┌─ Excerpted data

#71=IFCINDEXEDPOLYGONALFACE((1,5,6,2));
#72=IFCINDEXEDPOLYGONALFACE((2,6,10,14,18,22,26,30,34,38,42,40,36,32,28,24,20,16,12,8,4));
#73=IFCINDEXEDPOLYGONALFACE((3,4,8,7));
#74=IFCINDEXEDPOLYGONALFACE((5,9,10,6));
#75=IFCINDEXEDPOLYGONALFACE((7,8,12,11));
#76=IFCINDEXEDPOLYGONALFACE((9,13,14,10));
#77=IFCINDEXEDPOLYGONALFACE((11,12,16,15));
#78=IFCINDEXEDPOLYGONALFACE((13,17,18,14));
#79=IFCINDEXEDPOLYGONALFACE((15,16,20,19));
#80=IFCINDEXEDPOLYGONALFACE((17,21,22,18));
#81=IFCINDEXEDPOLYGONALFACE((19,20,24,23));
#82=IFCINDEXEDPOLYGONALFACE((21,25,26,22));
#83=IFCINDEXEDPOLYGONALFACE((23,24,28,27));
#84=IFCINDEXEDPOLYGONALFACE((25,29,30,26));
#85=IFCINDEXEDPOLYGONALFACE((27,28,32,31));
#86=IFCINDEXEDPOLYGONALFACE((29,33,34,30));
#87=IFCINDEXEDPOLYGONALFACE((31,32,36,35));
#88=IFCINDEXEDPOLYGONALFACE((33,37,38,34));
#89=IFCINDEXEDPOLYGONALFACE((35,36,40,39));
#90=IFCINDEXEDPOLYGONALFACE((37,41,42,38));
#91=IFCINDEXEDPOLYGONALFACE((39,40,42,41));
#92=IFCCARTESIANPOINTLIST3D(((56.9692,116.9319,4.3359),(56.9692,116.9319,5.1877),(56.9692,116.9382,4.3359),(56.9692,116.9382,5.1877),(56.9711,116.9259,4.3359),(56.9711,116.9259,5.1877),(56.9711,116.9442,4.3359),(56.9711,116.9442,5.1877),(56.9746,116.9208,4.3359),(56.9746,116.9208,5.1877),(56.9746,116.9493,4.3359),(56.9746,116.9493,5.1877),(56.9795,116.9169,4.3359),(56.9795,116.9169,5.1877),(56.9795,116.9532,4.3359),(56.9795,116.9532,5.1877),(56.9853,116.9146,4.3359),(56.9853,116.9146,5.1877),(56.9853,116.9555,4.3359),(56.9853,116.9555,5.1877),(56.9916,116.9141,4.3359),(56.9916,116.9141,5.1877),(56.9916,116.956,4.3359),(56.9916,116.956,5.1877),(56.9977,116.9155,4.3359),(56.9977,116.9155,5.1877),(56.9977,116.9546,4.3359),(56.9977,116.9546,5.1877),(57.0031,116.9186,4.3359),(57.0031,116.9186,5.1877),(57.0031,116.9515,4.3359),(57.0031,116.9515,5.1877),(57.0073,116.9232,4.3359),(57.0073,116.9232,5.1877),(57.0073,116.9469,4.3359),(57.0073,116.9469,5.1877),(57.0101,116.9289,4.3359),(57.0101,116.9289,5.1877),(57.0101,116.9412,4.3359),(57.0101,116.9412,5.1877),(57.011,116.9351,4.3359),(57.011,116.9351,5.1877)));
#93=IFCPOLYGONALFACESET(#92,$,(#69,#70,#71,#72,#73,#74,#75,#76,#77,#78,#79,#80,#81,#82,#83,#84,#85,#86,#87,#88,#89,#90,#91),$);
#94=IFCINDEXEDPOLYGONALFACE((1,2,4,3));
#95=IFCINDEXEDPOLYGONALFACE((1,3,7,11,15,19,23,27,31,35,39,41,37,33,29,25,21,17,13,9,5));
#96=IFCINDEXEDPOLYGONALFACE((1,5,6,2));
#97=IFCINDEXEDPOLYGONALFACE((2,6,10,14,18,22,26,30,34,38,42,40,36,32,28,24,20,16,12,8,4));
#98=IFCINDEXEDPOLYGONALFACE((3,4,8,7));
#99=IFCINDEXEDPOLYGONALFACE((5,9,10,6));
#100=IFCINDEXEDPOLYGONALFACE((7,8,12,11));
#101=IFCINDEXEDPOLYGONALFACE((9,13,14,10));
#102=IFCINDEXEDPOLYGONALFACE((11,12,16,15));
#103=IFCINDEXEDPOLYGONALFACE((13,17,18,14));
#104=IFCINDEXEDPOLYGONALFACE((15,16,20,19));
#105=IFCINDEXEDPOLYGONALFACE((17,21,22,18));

└─
┌─ Excerpted data

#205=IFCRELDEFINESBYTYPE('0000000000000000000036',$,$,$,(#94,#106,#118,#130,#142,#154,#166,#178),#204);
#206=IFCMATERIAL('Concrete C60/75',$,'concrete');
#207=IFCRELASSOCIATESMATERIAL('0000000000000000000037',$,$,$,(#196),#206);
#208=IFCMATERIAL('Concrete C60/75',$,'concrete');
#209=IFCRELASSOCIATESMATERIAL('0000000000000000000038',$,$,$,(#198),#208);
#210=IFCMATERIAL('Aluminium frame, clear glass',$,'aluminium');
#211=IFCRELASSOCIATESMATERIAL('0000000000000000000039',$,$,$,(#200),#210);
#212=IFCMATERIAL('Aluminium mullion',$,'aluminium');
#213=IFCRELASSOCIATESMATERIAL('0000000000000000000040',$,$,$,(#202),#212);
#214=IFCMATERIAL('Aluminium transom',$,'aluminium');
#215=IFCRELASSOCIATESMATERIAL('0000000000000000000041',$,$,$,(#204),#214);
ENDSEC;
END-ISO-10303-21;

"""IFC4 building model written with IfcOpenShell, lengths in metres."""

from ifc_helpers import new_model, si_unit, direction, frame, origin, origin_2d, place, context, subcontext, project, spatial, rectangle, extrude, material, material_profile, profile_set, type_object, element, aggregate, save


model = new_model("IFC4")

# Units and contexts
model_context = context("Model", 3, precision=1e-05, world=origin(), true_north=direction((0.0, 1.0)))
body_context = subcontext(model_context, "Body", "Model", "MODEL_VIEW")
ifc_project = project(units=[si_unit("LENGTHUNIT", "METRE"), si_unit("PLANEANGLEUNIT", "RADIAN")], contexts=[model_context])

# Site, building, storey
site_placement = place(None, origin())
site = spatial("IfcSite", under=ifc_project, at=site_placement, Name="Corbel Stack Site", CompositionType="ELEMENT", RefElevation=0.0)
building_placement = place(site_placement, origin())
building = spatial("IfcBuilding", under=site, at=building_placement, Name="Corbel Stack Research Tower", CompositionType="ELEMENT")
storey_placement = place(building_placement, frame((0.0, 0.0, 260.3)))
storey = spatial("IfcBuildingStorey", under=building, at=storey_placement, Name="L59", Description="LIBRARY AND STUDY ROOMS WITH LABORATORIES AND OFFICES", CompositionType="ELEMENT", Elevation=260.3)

└─
┌─ Excerpted data

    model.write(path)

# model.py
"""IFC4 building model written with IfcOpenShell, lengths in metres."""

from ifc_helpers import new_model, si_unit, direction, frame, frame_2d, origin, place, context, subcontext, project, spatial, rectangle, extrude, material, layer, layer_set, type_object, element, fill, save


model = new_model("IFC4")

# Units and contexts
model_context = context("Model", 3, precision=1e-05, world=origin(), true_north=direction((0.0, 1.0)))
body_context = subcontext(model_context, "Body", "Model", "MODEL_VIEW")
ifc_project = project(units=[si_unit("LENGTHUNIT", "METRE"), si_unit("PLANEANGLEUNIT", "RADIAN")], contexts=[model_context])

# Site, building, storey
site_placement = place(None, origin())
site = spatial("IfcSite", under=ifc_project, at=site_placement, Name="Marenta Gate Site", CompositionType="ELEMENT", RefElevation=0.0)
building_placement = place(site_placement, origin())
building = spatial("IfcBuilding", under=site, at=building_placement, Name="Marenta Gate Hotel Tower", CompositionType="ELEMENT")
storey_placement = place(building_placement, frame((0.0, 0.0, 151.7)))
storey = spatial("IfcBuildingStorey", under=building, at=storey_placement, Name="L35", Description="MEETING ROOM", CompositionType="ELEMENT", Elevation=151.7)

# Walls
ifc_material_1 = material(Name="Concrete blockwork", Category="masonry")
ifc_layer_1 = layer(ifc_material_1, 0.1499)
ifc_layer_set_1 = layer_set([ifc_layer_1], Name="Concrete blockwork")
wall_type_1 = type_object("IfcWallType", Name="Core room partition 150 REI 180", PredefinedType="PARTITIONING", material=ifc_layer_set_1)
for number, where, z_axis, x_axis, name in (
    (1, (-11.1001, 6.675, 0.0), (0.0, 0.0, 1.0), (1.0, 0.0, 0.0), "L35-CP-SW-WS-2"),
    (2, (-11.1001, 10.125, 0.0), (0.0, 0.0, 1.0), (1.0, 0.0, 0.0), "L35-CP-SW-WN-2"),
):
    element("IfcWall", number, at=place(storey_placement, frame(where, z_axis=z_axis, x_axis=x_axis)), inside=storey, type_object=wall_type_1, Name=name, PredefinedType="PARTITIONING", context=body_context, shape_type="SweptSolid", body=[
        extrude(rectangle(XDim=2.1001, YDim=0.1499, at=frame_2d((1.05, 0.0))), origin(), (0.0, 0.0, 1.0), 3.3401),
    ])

└─

In the data above, find each line where the string "blockwork" appears, then copy it.

ifc_material_1 = material(Name="Concrete blockwork", Category="masonry")
ifc_layer_set_1 = layer_set([ifc_layer_1], Name="Concrete blockwork")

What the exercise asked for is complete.